[Data for this exercise — start]

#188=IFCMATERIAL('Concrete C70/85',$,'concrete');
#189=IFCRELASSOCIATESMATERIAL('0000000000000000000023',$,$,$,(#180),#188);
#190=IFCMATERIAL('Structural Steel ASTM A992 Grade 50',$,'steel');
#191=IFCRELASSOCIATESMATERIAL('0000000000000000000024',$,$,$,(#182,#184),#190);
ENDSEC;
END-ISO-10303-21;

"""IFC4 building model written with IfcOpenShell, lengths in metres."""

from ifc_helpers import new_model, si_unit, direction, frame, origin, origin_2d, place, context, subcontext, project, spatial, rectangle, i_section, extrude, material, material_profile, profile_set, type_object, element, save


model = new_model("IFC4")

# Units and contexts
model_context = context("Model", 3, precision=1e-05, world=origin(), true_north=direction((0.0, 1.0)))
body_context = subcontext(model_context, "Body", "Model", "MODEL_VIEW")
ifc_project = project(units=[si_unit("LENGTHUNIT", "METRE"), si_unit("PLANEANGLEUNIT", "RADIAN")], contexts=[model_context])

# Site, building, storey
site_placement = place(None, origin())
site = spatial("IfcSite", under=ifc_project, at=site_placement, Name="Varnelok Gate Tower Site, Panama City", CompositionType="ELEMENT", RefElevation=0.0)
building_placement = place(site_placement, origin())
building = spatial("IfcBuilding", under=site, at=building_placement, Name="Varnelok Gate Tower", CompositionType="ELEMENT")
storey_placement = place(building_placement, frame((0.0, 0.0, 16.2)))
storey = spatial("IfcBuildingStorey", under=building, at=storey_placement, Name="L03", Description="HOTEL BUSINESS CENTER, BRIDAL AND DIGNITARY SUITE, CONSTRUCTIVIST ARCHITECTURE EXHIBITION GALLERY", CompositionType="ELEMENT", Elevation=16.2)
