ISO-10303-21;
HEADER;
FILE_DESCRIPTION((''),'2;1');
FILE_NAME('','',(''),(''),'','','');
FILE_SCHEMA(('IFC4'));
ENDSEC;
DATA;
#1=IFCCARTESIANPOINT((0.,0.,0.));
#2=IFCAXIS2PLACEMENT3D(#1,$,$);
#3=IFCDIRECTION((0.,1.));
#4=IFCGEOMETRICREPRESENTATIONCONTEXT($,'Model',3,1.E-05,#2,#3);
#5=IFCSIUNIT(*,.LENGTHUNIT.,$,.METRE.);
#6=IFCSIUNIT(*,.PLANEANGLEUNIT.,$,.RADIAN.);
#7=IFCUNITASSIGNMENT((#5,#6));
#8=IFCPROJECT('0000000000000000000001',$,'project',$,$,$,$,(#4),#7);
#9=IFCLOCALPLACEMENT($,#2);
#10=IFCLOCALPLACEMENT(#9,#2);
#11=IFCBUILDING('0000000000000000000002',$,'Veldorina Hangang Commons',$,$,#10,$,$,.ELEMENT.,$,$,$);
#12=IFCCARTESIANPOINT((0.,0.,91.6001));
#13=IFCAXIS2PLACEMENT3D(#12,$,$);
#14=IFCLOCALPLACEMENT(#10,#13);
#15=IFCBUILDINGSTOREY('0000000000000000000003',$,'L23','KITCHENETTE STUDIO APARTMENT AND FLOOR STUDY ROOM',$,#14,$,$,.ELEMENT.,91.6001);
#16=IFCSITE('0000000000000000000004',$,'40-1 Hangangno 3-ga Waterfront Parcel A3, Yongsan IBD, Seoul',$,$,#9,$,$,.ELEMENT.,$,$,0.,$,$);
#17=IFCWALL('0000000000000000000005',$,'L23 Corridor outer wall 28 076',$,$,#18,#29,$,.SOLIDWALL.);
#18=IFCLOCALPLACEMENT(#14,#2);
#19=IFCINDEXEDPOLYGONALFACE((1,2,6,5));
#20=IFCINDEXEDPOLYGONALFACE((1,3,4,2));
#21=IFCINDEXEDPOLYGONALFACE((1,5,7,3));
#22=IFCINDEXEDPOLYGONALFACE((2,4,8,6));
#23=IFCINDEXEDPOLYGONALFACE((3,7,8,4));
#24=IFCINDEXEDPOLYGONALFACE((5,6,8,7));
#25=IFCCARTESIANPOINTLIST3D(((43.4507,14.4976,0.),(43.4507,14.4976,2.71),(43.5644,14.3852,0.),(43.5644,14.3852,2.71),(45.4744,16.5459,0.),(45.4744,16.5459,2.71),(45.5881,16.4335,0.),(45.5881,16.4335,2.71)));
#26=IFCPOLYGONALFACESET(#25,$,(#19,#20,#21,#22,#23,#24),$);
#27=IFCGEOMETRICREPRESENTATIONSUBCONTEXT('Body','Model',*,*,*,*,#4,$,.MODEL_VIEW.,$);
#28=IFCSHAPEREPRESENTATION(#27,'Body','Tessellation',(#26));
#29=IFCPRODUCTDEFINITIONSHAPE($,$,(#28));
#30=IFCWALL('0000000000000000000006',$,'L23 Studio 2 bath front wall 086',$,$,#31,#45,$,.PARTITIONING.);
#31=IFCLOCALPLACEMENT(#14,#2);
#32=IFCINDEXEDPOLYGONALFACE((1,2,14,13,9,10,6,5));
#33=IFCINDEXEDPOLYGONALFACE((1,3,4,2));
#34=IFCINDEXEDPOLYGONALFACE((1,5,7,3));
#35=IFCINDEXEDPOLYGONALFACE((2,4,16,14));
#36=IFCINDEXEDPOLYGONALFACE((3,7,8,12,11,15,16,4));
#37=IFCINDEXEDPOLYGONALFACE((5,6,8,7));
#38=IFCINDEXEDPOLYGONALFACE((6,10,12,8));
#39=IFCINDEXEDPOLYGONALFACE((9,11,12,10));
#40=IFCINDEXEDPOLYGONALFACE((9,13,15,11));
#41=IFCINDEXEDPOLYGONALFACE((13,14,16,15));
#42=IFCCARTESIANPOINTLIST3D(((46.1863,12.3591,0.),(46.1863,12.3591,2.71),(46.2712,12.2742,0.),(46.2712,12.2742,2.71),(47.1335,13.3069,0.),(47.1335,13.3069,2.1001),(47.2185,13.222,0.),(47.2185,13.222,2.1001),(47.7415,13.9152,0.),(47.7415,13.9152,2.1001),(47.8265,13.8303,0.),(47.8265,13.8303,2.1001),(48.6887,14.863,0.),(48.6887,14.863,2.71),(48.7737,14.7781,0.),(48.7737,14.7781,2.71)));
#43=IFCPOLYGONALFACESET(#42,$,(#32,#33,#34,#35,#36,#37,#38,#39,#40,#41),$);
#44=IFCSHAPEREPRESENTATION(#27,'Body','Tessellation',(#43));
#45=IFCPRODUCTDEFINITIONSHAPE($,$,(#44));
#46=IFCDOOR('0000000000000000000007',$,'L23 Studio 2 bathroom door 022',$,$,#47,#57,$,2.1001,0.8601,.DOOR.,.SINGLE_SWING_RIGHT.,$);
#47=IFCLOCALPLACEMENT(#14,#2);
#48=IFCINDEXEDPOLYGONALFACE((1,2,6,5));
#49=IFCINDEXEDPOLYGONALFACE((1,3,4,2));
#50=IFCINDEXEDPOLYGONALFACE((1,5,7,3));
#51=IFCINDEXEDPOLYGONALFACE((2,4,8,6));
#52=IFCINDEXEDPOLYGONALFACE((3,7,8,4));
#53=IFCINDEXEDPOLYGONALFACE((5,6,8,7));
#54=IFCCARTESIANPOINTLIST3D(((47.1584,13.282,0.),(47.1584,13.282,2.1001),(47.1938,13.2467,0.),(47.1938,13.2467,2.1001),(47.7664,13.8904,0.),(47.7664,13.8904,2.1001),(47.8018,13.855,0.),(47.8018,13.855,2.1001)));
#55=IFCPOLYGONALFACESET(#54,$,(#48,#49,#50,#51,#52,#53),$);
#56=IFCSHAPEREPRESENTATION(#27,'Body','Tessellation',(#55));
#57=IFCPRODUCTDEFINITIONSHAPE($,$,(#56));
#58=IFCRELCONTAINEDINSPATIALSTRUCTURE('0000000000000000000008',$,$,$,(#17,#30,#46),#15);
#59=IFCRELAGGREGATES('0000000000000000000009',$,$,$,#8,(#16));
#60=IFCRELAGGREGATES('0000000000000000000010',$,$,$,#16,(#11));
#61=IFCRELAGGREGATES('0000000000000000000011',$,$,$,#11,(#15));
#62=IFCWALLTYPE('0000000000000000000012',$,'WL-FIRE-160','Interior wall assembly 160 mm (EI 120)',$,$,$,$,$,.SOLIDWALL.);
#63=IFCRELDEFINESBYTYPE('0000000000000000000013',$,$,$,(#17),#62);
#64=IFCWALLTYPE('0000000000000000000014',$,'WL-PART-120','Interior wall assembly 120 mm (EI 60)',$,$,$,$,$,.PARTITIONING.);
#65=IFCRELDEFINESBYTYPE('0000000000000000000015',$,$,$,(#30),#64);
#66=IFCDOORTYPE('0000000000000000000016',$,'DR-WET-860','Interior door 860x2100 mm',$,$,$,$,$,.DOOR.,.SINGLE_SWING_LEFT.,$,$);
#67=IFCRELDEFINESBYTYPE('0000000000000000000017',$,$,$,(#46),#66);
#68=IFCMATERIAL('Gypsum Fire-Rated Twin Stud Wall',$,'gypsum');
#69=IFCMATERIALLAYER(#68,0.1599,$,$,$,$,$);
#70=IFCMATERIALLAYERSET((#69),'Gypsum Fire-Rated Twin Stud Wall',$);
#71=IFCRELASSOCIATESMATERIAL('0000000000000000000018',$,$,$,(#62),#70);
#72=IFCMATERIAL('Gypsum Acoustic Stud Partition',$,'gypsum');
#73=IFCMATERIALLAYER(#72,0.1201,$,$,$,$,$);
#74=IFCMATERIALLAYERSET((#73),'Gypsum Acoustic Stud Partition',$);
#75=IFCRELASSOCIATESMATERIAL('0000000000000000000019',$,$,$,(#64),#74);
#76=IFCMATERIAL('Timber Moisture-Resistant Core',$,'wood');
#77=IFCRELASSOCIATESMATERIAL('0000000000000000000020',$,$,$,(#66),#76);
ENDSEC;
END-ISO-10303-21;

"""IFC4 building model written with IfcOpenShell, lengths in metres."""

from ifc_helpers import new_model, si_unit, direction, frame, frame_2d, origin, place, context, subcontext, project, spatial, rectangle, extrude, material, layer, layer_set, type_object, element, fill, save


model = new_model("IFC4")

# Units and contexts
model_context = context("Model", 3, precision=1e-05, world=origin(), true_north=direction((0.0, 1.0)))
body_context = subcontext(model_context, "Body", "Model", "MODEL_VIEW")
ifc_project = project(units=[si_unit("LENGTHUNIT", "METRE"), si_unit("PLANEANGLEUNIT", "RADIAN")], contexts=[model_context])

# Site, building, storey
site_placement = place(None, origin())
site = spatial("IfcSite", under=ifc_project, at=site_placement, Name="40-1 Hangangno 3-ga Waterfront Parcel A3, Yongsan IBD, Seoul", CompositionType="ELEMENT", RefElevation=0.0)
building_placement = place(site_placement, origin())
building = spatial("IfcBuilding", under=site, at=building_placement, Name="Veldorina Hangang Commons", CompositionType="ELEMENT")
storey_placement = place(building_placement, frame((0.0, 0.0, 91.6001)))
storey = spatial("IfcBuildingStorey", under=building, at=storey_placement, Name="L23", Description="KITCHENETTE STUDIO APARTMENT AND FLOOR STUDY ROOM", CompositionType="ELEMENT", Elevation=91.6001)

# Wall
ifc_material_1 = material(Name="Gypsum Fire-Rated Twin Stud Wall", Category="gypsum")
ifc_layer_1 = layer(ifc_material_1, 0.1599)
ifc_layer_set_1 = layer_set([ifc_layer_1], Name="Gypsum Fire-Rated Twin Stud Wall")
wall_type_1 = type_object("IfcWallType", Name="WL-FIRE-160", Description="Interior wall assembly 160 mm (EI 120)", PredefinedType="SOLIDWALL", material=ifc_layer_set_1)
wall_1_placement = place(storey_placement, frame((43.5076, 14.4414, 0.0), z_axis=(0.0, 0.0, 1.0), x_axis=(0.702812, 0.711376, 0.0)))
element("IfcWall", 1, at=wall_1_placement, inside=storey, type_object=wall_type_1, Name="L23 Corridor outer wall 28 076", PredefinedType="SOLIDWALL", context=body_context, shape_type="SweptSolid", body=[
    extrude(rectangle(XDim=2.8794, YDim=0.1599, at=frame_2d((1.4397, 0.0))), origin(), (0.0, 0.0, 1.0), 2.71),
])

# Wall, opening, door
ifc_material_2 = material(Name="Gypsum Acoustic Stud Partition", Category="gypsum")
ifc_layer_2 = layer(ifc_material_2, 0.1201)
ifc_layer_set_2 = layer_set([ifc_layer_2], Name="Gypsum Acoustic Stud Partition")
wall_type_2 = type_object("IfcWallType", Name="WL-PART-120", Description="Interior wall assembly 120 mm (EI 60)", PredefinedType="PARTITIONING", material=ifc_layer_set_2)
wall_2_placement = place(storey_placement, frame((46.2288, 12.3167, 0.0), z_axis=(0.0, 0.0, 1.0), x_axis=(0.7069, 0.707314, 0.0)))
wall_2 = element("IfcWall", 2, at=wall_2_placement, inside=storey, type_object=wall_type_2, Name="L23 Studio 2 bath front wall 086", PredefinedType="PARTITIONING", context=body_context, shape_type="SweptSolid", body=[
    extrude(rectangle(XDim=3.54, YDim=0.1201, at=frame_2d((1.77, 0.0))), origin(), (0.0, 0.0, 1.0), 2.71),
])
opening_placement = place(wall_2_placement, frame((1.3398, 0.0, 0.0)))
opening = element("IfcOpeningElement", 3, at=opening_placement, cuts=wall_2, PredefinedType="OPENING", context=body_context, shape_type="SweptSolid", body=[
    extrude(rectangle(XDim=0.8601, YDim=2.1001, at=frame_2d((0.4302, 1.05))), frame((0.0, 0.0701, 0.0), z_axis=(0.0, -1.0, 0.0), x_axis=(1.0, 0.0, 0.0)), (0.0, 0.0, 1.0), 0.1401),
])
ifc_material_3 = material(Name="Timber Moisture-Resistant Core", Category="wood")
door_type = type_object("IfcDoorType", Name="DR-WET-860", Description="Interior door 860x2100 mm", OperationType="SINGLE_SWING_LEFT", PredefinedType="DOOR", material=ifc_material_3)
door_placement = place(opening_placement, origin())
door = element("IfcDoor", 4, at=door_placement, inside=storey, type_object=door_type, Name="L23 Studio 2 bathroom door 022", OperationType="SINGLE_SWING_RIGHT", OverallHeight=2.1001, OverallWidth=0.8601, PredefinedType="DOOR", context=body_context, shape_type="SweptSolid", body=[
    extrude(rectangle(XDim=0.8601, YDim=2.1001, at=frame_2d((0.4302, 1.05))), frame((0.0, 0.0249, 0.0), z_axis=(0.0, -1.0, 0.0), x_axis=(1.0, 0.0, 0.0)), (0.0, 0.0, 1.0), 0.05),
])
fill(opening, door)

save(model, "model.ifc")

[Data for this exercise — finish]

Task goal: Give only the number of lines in the data that hold the string "IFCMATERIALLAYERSET".

Problem solution: 2